+++ Data for review +++

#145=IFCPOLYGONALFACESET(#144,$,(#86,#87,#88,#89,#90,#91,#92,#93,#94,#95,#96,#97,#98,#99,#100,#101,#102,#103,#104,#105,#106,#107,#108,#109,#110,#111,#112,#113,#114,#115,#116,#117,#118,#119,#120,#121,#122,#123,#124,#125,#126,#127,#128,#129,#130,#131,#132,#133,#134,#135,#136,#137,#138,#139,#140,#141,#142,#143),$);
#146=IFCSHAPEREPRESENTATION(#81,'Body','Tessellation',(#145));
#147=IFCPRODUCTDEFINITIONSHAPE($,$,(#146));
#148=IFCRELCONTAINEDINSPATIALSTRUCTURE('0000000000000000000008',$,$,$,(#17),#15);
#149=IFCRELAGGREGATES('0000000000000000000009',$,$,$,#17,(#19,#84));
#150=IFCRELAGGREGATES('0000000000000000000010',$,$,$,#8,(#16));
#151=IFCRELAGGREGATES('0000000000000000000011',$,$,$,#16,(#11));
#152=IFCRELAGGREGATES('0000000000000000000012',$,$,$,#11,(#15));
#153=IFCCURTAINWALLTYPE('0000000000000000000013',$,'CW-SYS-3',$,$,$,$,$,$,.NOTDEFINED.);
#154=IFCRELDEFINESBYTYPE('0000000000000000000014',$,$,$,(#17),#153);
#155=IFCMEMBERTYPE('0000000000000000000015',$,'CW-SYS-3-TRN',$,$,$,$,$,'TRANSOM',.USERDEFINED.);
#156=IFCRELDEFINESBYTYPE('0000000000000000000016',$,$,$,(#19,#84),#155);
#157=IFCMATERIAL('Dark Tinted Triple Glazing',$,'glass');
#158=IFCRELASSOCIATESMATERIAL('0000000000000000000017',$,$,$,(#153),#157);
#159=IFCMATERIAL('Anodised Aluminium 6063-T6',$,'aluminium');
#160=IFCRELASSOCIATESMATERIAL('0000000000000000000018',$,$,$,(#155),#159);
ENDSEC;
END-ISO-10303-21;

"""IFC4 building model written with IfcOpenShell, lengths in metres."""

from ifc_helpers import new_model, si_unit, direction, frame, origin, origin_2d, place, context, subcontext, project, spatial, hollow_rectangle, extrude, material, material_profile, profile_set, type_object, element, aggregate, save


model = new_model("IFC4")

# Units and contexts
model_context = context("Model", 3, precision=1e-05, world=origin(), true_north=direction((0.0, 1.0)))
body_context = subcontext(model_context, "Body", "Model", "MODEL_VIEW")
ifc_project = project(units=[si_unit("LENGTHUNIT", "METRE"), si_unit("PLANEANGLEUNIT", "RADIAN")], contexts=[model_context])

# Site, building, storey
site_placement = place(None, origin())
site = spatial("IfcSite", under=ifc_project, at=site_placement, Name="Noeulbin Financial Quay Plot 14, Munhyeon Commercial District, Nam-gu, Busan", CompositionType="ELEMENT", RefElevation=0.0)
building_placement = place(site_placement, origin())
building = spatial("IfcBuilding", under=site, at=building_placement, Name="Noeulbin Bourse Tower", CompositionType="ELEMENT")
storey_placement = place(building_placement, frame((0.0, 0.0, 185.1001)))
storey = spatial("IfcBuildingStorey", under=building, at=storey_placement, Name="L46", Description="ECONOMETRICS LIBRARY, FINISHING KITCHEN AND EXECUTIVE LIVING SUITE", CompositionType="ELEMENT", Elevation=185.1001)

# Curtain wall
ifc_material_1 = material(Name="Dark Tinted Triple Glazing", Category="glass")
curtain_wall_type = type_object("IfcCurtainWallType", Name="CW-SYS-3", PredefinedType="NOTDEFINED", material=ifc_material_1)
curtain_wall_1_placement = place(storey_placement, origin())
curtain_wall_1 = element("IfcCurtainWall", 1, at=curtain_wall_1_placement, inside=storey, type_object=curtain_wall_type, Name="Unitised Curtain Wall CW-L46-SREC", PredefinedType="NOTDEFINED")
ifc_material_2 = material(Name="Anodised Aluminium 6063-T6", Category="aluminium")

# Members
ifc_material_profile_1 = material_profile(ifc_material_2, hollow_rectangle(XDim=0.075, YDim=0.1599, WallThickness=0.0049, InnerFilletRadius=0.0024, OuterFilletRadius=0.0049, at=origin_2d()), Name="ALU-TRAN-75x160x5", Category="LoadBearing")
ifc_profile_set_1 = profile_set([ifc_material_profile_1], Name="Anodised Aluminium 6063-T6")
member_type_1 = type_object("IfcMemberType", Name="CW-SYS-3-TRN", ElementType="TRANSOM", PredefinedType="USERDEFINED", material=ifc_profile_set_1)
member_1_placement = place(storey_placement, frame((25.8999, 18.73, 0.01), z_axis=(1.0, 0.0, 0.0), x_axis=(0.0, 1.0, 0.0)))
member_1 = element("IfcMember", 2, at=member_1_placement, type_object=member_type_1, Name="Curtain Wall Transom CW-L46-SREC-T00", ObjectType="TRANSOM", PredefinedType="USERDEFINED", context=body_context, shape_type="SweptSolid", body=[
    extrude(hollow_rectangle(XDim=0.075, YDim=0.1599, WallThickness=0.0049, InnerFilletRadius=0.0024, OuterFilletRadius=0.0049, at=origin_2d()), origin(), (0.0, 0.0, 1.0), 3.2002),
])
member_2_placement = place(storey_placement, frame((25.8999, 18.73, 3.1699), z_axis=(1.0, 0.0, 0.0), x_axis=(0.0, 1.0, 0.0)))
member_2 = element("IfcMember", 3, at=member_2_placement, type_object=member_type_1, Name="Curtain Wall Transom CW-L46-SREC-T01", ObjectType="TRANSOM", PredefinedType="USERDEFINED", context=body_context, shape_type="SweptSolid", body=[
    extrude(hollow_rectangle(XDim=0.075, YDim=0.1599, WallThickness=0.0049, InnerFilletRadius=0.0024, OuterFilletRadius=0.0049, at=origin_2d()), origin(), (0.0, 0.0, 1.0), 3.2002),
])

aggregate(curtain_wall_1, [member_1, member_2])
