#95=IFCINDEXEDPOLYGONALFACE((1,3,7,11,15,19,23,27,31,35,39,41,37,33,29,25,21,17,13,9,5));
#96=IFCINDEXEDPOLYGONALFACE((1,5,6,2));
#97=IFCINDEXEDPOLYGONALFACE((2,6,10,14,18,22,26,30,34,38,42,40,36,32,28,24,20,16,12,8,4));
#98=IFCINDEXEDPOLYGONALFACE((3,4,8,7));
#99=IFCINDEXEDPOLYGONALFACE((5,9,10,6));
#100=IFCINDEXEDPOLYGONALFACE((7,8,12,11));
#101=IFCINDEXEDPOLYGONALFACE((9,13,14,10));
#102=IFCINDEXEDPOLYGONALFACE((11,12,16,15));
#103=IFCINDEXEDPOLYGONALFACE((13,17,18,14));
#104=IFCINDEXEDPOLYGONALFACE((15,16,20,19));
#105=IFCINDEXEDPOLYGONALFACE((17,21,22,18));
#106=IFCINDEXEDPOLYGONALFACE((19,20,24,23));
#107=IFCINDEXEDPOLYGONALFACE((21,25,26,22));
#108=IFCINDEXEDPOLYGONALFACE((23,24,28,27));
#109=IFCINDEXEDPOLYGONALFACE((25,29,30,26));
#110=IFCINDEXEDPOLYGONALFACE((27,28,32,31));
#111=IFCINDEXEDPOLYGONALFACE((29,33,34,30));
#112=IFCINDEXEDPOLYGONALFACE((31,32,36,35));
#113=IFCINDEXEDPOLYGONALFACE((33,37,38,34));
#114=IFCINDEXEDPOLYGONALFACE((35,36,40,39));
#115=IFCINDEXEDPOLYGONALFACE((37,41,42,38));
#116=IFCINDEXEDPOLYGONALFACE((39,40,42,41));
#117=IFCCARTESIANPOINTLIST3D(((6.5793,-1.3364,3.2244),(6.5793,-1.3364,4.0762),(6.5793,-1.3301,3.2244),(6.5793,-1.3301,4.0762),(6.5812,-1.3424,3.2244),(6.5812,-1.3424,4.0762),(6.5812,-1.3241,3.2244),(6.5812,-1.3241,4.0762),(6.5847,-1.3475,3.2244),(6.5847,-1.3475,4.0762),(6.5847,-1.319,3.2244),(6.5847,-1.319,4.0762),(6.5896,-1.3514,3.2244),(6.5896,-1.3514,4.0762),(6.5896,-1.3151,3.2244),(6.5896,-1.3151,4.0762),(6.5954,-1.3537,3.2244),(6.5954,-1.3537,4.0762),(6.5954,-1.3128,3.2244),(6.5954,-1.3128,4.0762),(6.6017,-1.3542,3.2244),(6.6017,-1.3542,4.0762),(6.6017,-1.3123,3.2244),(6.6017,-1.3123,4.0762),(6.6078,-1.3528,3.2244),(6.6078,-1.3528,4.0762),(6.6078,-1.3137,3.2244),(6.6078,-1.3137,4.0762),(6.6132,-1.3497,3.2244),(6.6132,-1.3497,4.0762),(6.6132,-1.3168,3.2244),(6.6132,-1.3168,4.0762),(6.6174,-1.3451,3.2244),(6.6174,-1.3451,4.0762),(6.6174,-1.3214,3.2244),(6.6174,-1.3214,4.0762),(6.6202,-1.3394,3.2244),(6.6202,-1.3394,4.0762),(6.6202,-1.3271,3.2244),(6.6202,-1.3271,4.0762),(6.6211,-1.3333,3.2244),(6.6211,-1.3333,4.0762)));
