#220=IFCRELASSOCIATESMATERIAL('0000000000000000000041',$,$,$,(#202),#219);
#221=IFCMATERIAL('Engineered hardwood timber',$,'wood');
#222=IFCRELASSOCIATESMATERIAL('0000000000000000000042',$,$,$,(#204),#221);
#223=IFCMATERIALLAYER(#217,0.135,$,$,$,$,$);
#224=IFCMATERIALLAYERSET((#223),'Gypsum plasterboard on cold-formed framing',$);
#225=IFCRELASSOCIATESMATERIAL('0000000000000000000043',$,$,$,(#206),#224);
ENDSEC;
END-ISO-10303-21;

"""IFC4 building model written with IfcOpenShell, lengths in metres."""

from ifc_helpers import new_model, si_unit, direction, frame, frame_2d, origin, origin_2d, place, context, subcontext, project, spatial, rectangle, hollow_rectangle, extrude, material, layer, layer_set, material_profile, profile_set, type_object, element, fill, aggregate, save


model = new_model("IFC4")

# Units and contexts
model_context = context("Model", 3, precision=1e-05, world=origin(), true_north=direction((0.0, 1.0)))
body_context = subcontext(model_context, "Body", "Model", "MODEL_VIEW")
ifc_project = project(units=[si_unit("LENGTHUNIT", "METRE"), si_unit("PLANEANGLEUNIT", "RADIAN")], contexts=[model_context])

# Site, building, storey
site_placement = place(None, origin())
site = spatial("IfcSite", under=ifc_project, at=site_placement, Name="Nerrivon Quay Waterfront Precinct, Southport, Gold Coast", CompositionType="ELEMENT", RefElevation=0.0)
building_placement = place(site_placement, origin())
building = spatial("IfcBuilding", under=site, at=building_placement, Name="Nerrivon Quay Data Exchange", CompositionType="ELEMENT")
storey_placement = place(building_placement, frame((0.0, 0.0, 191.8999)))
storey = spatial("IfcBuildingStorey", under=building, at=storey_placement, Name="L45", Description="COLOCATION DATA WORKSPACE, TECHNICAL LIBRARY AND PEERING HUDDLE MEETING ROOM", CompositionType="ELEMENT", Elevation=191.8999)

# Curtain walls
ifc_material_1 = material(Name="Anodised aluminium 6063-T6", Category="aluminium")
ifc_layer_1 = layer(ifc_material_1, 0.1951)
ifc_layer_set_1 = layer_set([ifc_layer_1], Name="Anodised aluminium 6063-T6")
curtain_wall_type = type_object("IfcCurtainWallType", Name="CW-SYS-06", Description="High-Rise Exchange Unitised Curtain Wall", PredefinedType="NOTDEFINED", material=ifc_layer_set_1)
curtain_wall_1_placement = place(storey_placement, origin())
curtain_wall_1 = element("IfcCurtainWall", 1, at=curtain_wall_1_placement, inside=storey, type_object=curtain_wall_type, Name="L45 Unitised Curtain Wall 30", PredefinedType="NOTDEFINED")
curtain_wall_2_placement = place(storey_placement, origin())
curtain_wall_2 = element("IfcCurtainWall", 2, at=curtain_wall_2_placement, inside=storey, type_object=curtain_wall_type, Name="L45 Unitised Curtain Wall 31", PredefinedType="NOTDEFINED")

+++

Work through the records above. Copy every line with the string "Exchange".

building = spatial("IfcBuilding", under=site, at=building_placement, Name="Nerrivon Quay Data Exchange", CompositionType="ELEMENT")
curtain_wall_type = type_object("IfcCurtainWallType", Name="CW-SYS-06", Description="High-Rise Exchange Unitised Curtain Wall", PredefinedType="NOTDEFINED", material=ifc_layer_set_1)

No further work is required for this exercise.